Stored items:
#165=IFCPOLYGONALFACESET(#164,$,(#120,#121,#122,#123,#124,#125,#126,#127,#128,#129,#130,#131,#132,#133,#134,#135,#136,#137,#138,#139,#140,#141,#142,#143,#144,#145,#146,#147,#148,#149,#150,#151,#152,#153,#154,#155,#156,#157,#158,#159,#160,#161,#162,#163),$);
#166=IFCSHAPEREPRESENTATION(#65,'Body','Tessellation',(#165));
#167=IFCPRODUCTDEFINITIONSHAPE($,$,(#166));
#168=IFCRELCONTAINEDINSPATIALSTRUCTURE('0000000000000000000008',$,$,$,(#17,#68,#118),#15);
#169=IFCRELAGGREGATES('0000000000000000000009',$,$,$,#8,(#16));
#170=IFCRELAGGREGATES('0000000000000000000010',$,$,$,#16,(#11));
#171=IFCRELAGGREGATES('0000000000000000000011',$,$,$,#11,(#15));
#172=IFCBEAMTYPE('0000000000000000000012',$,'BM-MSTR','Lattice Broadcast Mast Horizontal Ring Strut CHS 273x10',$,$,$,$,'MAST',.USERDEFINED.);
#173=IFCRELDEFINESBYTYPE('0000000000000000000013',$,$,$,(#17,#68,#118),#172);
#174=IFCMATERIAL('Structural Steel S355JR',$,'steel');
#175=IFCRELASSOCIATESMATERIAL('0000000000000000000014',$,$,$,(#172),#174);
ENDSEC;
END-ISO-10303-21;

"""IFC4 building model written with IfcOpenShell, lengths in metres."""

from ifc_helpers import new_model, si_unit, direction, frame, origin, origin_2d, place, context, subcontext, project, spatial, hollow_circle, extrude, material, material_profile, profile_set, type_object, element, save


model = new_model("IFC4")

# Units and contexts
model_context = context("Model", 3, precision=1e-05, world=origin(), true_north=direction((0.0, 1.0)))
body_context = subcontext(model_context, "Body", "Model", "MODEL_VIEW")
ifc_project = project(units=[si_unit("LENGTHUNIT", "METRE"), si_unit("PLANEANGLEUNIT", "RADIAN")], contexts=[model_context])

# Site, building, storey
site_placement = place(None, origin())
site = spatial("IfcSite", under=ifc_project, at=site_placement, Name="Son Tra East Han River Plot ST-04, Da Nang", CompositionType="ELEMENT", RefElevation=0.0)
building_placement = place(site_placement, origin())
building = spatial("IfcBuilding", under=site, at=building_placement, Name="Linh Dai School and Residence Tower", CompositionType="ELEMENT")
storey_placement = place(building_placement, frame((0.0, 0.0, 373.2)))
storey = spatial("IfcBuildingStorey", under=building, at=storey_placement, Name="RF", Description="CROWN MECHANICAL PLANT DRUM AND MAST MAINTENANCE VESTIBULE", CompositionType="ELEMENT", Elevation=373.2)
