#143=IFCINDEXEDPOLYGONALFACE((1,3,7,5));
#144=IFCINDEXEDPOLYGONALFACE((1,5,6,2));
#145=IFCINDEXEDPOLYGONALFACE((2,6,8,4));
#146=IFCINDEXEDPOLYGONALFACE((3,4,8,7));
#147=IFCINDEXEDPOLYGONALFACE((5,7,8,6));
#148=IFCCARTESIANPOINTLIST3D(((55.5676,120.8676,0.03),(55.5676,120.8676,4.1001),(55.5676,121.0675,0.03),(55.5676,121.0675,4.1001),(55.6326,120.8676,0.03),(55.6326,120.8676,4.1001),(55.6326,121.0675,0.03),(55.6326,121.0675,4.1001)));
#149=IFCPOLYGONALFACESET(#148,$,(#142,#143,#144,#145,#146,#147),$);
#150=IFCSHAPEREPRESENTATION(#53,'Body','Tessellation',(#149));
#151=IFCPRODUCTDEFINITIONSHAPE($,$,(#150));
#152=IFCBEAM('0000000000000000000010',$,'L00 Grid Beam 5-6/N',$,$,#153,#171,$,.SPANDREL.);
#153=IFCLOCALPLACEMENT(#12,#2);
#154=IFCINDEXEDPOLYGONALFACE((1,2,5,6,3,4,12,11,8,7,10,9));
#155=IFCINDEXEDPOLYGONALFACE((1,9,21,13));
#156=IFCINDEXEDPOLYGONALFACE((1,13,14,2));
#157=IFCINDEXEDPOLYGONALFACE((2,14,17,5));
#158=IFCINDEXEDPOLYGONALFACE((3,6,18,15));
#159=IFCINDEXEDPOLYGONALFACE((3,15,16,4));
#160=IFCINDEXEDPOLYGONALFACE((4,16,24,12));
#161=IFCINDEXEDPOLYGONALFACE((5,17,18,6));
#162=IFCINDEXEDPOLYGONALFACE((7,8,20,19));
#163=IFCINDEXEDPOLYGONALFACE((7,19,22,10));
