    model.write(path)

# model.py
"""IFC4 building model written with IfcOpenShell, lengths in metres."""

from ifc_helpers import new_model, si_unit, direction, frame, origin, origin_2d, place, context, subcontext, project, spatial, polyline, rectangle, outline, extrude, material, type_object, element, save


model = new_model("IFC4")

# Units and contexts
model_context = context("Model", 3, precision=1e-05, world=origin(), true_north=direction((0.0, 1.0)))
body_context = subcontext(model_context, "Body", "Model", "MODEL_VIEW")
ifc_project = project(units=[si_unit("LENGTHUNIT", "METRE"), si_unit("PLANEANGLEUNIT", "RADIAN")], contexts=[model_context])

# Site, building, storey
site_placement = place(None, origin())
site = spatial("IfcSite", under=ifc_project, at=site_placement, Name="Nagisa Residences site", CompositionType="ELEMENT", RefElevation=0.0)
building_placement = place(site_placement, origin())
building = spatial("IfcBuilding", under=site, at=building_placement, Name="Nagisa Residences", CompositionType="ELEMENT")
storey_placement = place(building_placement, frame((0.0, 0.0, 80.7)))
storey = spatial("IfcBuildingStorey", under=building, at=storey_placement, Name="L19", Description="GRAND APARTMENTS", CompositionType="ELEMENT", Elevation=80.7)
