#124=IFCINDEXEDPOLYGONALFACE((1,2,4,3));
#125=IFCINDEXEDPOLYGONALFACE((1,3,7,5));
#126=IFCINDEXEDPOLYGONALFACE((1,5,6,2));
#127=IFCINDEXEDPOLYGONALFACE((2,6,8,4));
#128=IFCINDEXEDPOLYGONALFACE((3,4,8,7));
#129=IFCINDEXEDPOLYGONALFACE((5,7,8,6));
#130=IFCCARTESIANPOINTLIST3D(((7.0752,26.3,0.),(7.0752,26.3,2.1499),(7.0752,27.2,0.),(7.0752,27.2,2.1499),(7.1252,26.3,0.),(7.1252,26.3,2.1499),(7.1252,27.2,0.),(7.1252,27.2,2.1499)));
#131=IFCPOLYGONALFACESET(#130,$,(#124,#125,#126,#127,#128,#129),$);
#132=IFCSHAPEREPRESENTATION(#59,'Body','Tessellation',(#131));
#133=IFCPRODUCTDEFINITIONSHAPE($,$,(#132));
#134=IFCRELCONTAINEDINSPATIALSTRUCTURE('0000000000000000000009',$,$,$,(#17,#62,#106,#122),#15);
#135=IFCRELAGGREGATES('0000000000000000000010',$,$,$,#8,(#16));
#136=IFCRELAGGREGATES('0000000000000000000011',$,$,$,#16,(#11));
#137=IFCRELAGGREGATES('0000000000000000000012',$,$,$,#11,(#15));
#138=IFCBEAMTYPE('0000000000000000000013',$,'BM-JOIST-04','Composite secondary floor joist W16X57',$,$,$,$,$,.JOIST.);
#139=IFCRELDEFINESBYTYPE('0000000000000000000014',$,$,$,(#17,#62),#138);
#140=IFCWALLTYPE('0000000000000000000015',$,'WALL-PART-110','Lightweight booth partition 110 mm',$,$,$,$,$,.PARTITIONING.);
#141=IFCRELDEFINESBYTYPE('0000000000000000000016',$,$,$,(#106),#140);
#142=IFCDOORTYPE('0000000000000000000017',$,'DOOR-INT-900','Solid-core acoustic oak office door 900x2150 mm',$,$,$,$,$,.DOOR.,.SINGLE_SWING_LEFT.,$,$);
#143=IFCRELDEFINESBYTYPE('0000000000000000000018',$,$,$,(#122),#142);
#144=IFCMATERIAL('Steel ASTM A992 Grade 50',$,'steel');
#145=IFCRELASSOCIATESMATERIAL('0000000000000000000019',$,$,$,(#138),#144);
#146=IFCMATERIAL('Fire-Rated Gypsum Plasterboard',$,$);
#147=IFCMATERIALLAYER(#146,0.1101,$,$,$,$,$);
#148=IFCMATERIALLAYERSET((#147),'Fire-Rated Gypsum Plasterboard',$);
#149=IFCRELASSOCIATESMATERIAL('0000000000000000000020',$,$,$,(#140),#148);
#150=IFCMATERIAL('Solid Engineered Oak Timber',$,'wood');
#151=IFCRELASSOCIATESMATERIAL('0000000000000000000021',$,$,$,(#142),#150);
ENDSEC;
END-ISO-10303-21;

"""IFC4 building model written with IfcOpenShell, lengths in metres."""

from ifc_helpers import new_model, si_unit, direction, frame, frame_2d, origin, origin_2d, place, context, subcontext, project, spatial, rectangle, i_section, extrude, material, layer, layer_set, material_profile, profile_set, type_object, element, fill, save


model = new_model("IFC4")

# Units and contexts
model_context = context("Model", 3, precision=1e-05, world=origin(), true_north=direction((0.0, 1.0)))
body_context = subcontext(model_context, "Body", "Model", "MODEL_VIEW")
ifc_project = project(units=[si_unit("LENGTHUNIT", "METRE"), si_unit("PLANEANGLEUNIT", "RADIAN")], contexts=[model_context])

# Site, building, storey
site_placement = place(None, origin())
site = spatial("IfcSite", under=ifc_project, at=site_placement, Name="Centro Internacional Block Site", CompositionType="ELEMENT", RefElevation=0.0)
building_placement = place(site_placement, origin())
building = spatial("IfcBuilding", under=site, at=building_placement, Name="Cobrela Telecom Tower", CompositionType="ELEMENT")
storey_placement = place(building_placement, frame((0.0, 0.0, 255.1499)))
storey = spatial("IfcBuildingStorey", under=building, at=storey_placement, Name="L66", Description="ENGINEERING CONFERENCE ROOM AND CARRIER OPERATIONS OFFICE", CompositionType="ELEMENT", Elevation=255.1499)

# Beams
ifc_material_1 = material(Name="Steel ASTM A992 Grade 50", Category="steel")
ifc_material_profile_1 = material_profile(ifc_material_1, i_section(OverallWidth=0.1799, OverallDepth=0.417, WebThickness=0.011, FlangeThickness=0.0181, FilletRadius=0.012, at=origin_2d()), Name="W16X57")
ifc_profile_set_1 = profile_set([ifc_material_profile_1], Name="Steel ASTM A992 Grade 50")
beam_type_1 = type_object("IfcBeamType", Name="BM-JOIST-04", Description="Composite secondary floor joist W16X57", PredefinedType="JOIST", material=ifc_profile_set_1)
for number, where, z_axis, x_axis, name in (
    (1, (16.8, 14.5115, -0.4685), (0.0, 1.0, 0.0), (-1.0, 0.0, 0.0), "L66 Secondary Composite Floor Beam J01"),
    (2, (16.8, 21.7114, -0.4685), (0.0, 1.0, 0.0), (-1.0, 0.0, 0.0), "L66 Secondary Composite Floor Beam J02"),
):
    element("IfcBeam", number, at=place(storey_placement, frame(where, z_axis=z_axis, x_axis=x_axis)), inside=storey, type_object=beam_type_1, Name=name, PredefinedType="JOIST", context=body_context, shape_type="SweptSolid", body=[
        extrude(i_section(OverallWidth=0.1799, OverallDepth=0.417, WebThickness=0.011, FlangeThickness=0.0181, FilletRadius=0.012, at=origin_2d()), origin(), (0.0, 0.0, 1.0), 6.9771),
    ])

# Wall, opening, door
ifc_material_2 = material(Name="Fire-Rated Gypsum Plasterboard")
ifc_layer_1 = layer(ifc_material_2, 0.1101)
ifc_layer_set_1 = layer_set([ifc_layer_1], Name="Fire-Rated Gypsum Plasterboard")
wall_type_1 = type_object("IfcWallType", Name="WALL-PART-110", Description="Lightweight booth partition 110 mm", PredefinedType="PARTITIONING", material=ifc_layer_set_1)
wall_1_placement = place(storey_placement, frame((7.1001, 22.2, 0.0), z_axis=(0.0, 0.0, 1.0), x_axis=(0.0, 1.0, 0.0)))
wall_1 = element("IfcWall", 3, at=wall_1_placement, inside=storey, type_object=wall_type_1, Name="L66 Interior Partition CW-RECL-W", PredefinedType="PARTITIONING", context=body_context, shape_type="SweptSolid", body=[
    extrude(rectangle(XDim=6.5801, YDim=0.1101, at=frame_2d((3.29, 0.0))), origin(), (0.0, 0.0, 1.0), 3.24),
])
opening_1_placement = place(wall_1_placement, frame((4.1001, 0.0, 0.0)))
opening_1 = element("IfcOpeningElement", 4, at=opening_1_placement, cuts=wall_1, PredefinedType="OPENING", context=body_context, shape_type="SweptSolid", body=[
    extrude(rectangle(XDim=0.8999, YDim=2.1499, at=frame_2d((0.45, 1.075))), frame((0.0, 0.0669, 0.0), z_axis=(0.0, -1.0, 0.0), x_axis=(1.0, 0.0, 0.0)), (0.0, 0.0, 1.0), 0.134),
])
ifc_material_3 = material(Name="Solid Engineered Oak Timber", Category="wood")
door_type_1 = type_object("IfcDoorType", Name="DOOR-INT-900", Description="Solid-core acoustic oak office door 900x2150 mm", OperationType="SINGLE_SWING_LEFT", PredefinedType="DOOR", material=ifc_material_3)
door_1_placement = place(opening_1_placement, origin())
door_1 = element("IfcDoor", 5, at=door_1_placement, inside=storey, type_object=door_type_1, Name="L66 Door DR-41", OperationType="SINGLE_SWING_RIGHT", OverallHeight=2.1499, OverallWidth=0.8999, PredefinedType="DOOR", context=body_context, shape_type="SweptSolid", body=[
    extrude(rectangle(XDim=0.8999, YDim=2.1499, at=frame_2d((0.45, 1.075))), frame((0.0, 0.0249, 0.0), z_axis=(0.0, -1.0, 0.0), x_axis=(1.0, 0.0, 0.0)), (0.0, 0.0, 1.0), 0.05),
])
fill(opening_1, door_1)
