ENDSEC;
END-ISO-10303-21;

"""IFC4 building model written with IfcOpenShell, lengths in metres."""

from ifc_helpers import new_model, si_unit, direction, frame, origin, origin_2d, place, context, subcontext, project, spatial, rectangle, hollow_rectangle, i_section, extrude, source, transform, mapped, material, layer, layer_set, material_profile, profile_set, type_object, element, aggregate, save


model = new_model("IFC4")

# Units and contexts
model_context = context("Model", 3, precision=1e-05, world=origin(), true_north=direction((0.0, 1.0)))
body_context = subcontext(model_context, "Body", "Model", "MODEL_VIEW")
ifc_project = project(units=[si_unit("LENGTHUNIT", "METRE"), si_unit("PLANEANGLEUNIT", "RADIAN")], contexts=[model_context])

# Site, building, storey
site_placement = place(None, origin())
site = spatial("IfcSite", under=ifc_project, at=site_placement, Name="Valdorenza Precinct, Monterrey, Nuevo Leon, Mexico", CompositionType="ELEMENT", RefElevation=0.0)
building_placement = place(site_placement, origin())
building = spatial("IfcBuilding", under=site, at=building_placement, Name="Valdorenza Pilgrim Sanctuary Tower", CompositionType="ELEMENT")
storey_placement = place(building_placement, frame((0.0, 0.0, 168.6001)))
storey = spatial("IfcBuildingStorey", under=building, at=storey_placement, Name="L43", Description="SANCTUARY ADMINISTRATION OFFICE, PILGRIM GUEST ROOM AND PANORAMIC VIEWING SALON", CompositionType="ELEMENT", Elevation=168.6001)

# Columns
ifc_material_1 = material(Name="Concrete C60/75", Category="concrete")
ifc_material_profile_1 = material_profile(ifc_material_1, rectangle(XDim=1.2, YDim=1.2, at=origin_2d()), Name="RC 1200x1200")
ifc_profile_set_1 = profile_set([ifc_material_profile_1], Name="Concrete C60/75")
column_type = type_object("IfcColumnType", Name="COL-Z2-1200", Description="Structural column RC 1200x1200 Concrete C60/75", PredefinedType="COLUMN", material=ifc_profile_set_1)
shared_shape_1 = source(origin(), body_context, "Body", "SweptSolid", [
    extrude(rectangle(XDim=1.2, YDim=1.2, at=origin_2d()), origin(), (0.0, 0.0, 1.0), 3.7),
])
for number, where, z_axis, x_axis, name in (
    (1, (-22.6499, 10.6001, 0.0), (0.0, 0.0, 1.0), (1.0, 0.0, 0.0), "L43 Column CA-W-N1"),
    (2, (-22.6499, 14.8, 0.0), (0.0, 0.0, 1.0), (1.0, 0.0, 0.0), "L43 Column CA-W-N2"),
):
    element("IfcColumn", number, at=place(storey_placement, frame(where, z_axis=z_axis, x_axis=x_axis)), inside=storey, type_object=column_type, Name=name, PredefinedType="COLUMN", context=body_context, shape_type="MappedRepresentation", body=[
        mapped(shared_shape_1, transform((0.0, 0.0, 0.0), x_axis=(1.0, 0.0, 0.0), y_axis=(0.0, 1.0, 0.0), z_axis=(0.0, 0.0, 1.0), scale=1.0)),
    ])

TASK BRIEF =
Each line above that has the word "Grade" should be copied.

RESPONSE AREA =
#144=IFCMATERIAL('Steel ASTM A992 Grade 50',$,'steel');
ifc_material_1 = material(Name="Steel ASTM A992 Grade 50", Category="steel")
ifc_profile_set_1 = profile_set([ifc_material_profile_1], Name="Steel ASTM A992 Grade 50")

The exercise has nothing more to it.